ACTIVITY >> Reproduce the listing verbatim.

EXERCISE DATA >>
----------
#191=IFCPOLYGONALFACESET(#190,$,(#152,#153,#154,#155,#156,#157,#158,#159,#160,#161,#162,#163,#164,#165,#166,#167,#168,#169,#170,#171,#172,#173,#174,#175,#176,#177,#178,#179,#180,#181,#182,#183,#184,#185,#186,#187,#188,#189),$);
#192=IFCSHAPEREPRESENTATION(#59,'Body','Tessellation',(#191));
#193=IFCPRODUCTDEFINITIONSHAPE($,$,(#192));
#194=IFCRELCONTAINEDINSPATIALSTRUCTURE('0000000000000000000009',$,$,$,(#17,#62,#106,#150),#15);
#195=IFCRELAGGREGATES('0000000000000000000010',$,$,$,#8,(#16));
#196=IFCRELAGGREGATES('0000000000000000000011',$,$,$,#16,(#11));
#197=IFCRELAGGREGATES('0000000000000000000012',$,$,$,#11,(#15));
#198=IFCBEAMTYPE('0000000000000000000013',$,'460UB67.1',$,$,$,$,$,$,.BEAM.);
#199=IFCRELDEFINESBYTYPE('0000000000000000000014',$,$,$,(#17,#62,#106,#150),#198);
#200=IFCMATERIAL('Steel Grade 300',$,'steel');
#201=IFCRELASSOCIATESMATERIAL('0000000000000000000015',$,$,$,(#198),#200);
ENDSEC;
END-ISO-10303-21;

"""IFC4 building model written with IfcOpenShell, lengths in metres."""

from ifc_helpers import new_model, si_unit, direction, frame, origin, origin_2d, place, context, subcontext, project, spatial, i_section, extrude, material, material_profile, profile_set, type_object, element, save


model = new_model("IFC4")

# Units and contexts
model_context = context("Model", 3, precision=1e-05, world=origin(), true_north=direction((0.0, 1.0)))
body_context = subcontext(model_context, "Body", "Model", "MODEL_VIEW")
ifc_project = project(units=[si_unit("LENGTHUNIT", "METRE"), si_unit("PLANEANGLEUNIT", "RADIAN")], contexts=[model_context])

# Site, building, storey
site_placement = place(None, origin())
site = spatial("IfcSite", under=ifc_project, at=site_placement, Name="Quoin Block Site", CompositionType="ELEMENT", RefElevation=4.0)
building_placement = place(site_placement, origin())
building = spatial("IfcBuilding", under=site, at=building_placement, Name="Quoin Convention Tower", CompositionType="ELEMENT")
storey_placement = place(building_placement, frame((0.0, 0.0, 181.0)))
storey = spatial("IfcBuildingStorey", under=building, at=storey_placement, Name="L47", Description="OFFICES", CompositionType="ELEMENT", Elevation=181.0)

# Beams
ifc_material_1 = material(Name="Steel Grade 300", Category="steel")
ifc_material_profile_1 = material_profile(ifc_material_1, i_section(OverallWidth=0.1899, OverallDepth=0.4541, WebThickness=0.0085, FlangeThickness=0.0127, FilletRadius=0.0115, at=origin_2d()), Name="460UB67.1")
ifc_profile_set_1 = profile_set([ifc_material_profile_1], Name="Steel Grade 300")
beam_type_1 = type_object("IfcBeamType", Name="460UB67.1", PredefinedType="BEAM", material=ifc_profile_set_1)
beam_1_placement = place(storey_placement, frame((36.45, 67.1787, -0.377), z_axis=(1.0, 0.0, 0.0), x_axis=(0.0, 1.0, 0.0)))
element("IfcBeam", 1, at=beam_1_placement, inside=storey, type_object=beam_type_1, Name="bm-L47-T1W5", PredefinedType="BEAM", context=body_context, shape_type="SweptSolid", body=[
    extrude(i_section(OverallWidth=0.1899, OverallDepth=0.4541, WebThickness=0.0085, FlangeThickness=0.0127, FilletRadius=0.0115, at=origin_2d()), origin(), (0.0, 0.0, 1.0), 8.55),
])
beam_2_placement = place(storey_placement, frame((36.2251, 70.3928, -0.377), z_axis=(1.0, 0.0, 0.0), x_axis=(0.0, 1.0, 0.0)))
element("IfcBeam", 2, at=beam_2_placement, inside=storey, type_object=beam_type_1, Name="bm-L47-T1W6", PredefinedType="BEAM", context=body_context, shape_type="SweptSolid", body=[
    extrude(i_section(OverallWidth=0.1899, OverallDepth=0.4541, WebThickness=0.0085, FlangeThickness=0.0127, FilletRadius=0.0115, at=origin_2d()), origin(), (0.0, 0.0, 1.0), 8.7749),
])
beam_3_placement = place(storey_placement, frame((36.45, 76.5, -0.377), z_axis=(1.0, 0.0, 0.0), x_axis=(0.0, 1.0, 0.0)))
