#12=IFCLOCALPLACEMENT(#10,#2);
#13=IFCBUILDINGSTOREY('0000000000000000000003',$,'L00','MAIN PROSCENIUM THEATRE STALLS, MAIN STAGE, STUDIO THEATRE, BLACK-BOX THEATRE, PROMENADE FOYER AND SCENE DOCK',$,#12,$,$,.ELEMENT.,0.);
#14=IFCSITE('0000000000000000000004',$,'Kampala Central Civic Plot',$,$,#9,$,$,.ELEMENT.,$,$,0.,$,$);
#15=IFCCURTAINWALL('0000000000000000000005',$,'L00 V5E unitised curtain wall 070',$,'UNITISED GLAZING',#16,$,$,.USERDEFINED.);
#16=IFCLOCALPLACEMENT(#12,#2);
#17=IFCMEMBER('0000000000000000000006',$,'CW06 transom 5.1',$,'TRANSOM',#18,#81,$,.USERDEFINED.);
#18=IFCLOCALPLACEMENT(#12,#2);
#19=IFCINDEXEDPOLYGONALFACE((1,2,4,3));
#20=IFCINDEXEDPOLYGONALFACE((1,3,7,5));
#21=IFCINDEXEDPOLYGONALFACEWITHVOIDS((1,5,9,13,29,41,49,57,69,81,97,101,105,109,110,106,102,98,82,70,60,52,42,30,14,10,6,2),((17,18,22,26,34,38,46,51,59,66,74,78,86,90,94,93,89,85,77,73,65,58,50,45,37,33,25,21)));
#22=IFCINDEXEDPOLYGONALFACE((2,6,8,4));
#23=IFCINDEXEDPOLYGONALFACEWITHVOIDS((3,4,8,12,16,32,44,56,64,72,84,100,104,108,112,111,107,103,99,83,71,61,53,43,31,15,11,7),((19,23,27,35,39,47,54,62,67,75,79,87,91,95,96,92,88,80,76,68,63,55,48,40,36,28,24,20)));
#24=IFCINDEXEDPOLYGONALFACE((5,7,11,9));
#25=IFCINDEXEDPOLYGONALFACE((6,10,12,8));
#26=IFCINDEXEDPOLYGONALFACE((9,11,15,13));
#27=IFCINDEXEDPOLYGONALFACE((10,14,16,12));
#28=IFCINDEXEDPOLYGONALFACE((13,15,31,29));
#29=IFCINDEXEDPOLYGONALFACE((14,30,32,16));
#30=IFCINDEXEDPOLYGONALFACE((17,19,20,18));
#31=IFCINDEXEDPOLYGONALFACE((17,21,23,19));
----------
TASK OUTPUT >>
#191=IFCPOLYGONALFACESET(#190,$,(#152,#153,#154,#155,#156,#157,#158,#159,#160,#161,#162,#163,#164,#165,#166,#167,#168,#169,#170,#171,#172,#173,#174,#175,#176,#177,#178,#179,#180,#181,#182,#183,#184,#185,#186,#187,#188,#189),$);
#192=IFCSHAPEREPRESENTATION(#59,'Body','Tessellation',(#191));
#193=IFCPRODUCTDEFINITIONSHAPE($,$,(#192));
#194=IFCRELCONTAINEDINSPATIALSTRUCTURE('0000000000000000000009',$,$,$,(#17,#62,#106,#150),#15);
#195=IFCRELAGGREGATES('0000000000000000000010',$,$,$,#8,(#16));
#196=IFCRELAGGREGATES('0000000000000000000011',$,$,$,#16,(#11));
#197=IFCRELAGGREGATES('0000000000000000000012',$,$,$,#11,(#15));
#198=IFCBEAMTYPE('0000000000000000000013',$,'460UB67.1',$,$,$,$,$,$,.BEAM.);
#199=IFCRELDEFINESBYTYPE('0000000000000000000014',$,$,$,(#17,#62,#106,#150),#198);
#200=IFCMATERIAL('Steel Grade 300',$,'steel');
#201=IFCRELASSOCIATESMATERIAL('0000000000000000000015',$,$,$,(#198),#200);
ENDSEC;
END-ISO-10303-21;

"""IFC4 building model written with IfcOpenShell, lengths in metres."""

from ifc_helpers import new_model, si_unit, direction, frame, origin, origin_2d, place, context, subcontext, project, spatial, i_section, extrude, material, material_profile, profile_set, type_object, element, save


model = new_model("IFC4")

# Units and contexts
model_context = context("Model", 3, precision=1e-05, world=origin(), true_north=direction((0.0, 1.0)))
body_context = subcontext(model_context, "Body", "Model", "MODEL_VIEW")
ifc_project = project(units=[si_unit("LENGTHUNIT", "METRE"), si_unit("PLANEANGLEUNIT", "RADIAN")], contexts=[model_context])

# Site, building, storey
site_placement = place(None, origin())
site = spatial("IfcSite", under=ifc_project, at=site_placement, Name="Quoin Block Site", CompositionType="ELEMENT", RefElevation=4.0)
building_placement = place(site_placement, origin())
building = spatial("IfcBuilding", under=site, at=building_placement, Name="Quoin Convention Tower", CompositionType="ELEMENT")
storey_placement = place(building_placement, frame((0.0, 0.0, 181.0)))
storey = spatial("IfcBuildingStorey", under=building, at=storey_placement, Name="L47", Description="OFFICES", CompositionType="ELEMENT", Elevation=181.0)

# Beams
ifc_material_1 = material(Name="Steel Grade 300", Category="steel")
ifc_material_profile_1 = material_profile(ifc_material_1, i_section(OverallWidth=0.1899, OverallDepth=0.4541, WebThickness=0.0085, FlangeThickness=0.0127, FilletRadius=0.0115, at=origin_2d()), Name="460UB67.1")
ifc_profile_set_1 = profile_set([ifc_material_profile_1], Name="Steel Grade 300")
beam_type_1 = type_object("IfcBeamType", Name="460UB67.1", PredefinedType="BEAM", material=ifc_profile_set_1)
beam_1_placement = place(storey_placement, frame((36.45, 67.1787, -0.377), z_axis=(1.0, 0.0, 0.0), x_axis=(0.0, 1.0, 0.0)))
element("IfcBeam", 1, at=beam_1_placement, inside=storey, type_object=beam_type_1, Name="bm-L47-T1W5", PredefinedType="BEAM", context=body_context, shape_type="SweptSolid", body=[
    extrude(i_section(OverallWidth=0.1899, OverallDepth=0.4541, WebThickness=0.0085, FlangeThickness=0.0127, FilletRadius=0.0115, at=origin_2d()), origin(), (0.0, 0.0, 1.0), 8.55),
])
beam_2_placement = place(storey_placement, frame((36.2251, 70.3928, -0.377), z_axis=(1.0, 0.0, 0.0), x_axis=(0.0, 1.0, 0.0)))
element("IfcBeam", 2, at=beam_2_placement, inside=storey, type_object=beam_type_1, Name="bm-L47-T1W6", PredefinedType="BEAM", context=body_context, shape_type="SweptSolid", body=[
    extrude(i_section(OverallWidth=0.1899, OverallDepth=0.4541, WebThickness=0.0085, FlangeThickness=0.0127, FilletRadius=0.0115, at=origin_2d()), origin(), (0.0, 0.0, 1.0), 8.7749),
])
beam_3_placement = place(storey_placement, frame((36.45, 76.5, -0.377), z_axis=(1.0, 0.0, 0.0), x_axis=(0.0, 1.0, 0.0)))
#12=IFCLOCALPLACEMENT(#10,#2);
#13=IFCBUILDINGSTOREY('0000000000000000000003',$,'L00','MAIN PROSCENIUM THEATRE STALLS, MAIN STAGE, STUDIO THEATRE, BLACK-BOX THEATRE, PROMENADE FOYER AND SCENE DOCK',$,#12,$,$,.ELEMENT.,0.);
#14=IFCSITE('0000000000000000000004',$,'Kampala Central Civic Plot',$,$,#9,$,$,.ELEMENT.,$,$,0.,$,$);
#15=IFCCURTAINWALL('0000000000000000000005',$,'L00 V5E unitised curtain wall 070',$,'UNITISED GLAZING',#16,$,$,.USERDEFINED.);
#16=IFCLOCALPLACEMENT(#12,#2);
#17=IFCMEMBER('0000000000000000000006',$,'CW06 transom 5.1',$,'TRANSOM',#18,#81,$,.USERDEFINED.);
#18=IFCLOCALPLACEMENT(#12,#2);
#19=IFCINDEXEDPOLYGONALFACE((1,2,4,3));
#20=IFCINDEXEDPOLYGONALFACE((1,3,7,5));
#21=IFCINDEXEDPOLYGONALFACEWITHVOIDS((1,5,9,13,29,41,49,57,69,81,97,101,105,109,110,106,102,98,82,70,60,52,42,30,14,10,6,2),((17,18,22,26,34,38,46,51,59,66,74,78,86,90,94,93,89,85,77,73,65,58,50,45,37,33,25,21)));
#22=IFCINDEXEDPOLYGONALFACE((2,6,8,4));
#23=IFCINDEXEDPOLYGONALFACEWITHVOIDS((3,4,8,12,16,32,44,56,64,72,84,100,104,108,112,111,107,103,99,83,71,61,53,43,31,15,11,7),((19,23,27,35,39,47,54,62,67,75,79,87,91,95,96,92,88,80,76,68,63,55,48,40,36,28,24,20)));
#24=IFCINDEXEDPOLYGONALFACE((5,7,11,9));
#25=IFCINDEXEDPOLYGONALFACE((6,10,12,8));
#26=IFCINDEXEDPOLYGONALFACE((9,11,15,13));
#27=IFCINDEXEDPOLYGONALFACE((10,14,16,12));
#28=IFCINDEXEDPOLYGONALFACE((13,15,31,29));
#29=IFCINDEXEDPOLYGONALFACE((14,30,32,16));
#30=IFCINDEXEDPOLYGONALFACE((17,19,20,18));
#31=IFCINDEXEDPOLYGONALFACE((17,21,23,19));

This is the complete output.